▶ [ASSIGNMENT]: Nothing outside the range is wanted. Repeat exactly the lines below from the one with "#168=IFCINDEXEDPOLYGONALFACE((7,8,20,19));" through the one with "#180=IFCINDEXEDPOLYGONALFACE((1,2,5,6,3,4,12,11,8,7,10,9));".

--

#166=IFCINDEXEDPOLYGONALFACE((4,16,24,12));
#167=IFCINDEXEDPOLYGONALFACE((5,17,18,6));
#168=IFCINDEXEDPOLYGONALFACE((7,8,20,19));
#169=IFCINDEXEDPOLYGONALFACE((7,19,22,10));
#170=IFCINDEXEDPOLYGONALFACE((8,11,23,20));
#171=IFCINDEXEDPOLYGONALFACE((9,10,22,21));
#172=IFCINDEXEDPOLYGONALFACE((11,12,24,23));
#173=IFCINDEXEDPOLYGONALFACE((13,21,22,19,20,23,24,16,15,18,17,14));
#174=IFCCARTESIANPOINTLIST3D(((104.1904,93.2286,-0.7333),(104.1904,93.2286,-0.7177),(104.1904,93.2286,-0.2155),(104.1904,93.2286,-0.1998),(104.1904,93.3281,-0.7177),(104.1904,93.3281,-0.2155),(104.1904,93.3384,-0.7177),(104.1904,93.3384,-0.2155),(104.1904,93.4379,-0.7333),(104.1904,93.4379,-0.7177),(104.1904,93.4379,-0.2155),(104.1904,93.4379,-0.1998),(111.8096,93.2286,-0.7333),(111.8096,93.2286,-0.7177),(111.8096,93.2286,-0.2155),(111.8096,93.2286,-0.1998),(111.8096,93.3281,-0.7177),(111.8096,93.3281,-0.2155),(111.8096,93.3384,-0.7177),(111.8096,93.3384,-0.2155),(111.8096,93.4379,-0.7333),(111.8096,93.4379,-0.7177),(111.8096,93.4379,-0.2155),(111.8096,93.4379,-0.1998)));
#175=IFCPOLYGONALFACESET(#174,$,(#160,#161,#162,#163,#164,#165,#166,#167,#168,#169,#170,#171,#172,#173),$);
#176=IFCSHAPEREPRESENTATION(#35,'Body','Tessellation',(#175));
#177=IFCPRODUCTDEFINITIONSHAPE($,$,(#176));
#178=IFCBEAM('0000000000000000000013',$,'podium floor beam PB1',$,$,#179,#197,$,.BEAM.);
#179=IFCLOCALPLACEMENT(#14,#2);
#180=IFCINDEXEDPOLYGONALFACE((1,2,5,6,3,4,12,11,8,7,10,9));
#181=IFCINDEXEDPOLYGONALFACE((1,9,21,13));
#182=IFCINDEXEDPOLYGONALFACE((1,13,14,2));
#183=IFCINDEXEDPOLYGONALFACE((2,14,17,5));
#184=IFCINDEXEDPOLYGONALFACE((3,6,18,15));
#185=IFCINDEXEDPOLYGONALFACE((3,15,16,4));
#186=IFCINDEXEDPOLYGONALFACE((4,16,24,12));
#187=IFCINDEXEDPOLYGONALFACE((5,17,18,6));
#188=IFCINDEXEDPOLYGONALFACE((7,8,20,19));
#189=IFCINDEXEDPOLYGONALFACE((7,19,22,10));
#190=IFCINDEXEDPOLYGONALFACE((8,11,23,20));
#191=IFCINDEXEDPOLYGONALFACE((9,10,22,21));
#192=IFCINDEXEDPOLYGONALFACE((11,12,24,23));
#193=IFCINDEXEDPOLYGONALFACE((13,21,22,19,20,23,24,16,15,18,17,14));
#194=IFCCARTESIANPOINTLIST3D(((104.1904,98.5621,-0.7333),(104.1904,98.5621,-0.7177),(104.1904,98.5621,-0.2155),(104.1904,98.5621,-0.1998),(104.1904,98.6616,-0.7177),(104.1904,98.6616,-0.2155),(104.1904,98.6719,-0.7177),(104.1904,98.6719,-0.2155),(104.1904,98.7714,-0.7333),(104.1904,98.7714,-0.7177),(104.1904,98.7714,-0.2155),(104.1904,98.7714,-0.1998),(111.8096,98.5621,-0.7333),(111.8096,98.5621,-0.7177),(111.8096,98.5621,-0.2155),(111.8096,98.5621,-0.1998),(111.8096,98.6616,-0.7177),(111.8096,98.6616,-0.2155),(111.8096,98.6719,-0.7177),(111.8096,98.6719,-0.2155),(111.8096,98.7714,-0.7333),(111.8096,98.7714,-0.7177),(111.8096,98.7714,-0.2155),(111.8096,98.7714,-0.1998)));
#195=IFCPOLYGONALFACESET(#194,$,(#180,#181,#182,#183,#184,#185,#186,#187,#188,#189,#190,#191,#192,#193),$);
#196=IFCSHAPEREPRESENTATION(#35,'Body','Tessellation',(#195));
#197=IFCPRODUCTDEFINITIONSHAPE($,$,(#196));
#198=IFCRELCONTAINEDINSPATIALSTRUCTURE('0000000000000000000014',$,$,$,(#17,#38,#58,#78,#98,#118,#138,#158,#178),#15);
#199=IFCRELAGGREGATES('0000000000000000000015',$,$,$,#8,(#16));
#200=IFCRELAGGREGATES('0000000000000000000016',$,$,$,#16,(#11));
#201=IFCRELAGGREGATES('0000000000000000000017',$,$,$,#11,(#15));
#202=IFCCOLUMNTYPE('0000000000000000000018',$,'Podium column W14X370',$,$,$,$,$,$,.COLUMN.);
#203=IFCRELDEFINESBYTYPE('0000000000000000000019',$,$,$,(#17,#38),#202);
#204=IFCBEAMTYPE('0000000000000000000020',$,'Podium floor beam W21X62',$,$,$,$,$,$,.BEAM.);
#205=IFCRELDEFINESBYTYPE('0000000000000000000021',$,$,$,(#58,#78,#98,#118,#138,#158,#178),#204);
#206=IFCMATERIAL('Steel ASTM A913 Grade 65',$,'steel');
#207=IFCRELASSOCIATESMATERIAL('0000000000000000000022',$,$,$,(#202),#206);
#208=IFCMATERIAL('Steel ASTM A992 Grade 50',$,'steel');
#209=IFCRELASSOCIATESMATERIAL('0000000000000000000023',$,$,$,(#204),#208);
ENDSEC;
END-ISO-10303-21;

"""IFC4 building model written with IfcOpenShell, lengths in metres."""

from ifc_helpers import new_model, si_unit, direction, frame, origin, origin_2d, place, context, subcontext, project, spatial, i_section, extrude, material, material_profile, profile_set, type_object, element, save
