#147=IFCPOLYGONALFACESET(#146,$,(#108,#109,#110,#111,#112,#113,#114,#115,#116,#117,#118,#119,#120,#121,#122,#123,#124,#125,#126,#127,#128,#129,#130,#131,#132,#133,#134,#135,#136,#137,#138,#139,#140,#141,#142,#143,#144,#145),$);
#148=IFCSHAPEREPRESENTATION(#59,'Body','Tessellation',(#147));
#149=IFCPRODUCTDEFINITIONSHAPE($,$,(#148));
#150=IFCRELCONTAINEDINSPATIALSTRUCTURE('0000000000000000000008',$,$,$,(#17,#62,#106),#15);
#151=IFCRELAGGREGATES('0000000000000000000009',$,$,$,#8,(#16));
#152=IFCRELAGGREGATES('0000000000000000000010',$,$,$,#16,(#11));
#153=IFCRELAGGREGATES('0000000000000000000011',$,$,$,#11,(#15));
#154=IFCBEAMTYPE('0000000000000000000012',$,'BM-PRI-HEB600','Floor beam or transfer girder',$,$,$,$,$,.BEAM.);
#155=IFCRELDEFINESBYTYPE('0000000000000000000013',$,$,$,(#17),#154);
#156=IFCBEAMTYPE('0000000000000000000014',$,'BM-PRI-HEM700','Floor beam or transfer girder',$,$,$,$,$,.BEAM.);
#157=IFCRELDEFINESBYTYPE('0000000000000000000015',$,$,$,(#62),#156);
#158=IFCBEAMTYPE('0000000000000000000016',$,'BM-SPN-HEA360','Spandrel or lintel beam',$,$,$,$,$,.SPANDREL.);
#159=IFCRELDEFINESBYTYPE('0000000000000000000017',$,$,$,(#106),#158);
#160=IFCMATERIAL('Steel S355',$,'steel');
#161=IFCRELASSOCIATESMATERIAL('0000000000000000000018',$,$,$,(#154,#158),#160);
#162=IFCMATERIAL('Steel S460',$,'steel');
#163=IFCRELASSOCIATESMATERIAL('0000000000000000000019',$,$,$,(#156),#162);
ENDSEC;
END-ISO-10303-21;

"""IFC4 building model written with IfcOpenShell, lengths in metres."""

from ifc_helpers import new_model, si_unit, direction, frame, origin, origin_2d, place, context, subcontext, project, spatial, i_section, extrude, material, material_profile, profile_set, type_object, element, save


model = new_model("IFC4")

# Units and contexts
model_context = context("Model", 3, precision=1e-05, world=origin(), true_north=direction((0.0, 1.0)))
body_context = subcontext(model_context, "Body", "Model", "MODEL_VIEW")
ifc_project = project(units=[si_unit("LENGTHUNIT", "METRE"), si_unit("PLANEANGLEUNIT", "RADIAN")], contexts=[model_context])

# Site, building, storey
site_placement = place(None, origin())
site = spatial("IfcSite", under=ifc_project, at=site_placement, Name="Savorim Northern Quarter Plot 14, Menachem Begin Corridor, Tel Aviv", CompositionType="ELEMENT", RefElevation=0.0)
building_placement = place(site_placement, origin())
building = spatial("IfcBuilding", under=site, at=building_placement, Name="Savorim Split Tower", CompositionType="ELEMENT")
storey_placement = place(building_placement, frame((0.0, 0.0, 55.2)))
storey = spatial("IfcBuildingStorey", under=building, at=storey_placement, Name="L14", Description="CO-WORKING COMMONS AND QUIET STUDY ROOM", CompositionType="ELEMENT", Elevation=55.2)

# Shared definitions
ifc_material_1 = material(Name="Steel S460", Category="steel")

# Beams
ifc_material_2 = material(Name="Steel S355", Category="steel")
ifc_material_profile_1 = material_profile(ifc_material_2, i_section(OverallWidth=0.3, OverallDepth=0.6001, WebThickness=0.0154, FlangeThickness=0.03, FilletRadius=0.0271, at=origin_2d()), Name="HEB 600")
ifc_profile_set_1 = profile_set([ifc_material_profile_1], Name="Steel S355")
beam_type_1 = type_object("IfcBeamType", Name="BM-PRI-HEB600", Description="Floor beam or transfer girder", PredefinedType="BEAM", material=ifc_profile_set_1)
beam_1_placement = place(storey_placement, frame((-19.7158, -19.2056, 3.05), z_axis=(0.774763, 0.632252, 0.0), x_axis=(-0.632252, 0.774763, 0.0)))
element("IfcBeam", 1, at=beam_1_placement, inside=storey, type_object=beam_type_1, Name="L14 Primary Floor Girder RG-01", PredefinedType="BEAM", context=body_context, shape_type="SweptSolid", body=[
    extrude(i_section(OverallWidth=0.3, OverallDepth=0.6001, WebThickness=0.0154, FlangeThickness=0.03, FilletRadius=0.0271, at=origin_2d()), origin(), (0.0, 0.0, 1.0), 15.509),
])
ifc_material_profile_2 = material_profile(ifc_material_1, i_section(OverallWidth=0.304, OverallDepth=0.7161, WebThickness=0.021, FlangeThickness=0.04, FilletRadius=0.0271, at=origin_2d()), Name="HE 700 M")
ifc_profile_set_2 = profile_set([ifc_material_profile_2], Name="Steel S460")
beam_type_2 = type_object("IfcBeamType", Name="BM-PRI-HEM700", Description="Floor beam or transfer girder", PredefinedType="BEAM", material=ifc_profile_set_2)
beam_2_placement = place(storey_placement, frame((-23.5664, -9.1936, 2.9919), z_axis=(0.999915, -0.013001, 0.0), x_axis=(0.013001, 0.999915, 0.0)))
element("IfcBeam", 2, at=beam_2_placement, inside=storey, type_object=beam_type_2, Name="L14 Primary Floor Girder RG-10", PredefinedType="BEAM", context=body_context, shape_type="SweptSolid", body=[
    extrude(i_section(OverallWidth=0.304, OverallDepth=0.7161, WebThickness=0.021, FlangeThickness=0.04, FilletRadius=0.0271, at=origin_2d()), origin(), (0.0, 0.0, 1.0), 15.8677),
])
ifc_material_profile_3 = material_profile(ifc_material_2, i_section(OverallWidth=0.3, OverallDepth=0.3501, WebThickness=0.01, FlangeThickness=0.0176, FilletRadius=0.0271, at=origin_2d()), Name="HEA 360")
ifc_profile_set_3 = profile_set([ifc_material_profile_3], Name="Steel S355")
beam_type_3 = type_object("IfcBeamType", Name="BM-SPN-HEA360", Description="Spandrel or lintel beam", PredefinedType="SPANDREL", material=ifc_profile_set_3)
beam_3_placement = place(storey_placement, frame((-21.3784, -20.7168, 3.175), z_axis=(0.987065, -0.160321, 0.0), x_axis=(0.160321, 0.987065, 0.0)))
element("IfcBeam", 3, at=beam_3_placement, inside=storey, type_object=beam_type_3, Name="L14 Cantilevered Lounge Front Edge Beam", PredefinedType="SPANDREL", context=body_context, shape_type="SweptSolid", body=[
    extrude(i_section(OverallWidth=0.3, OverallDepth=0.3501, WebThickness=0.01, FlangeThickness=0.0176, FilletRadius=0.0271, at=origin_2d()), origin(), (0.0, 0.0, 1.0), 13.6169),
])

--

▶ [PROBLEM SOLUTION]:
#168=IFCINDEXEDPOLYGONALFACE((7,8,20,19));
#169=IFCINDEXEDPOLYGONALFACE((7,19,22,10));
#170=IFCINDEXEDPOLYGONALFACE((8,11,23,20));
#171=IFCINDEXEDPOLYGONALFACE((9,10,22,21));
#172=IFCINDEXEDPOLYGONALFACE((11,12,24,23));
#173=IFCINDEXEDPOLYGONALFACE((13,21,22,19,20,23,24,16,15,18,17,14));
#174=IFCCARTESIANPOINTLIST3D(((104.1904,93.2286,-0.7333),(104.1904,93.2286,-0.7177),(104.1904,93.2286,-0.2155),(104.1904,93.2286,-0.1998),(104.1904,93.3281,-0.7177),(104.1904,93.3281,-0.2155),(104.1904,93.3384,-0.7177),(104.1904,93.3384,-0.2155),(104.1904,93.4379,-0.7333),(104.1904,93.4379,-0.7177),(104.1904,93.4379,-0.2155),(104.1904,93.4379,-0.1998),(111.8096,93.2286,-0.7333),(111.8096,93.2286,-0.7177),(111.8096,93.2286,-0.2155),(111.8096,93.2286,-0.1998),(111.8096,93.3281,-0.7177),(111.8096,93.3281,-0.2155),(111.8096,93.3384,-0.7177),(111.8096,93.3384,-0.2155),(111.8096,93.4379,-0.7333),(111.8096,93.4379,-0.7177),(111.8096,93.4379,-0.2155),(111.8096,93.4379,-0.1998)));
#175=IFCPOLYGONALFACESET(#174,$,(#160,#161,#162,#163,#164,#165,#166,#167,#168,#169,#170,#171,#172,#173),$);
#176=IFCSHAPEREPRESENTATION(#35,'Body','Tessellation',(#175));
#177=IFCPRODUCTDEFINITIONSHAPE($,$,(#176));
#178=IFCBEAM('0000000000000000000013',$,'podium floor beam PB1',$,$,#179,#197,$,.BEAM.);
#179=IFCLOCALPLACEMENT(#14,#2);
#180=IFCINDEXEDPOLYGONALFACE((1,2,5,6,3,4,12,11,8,7,10,9));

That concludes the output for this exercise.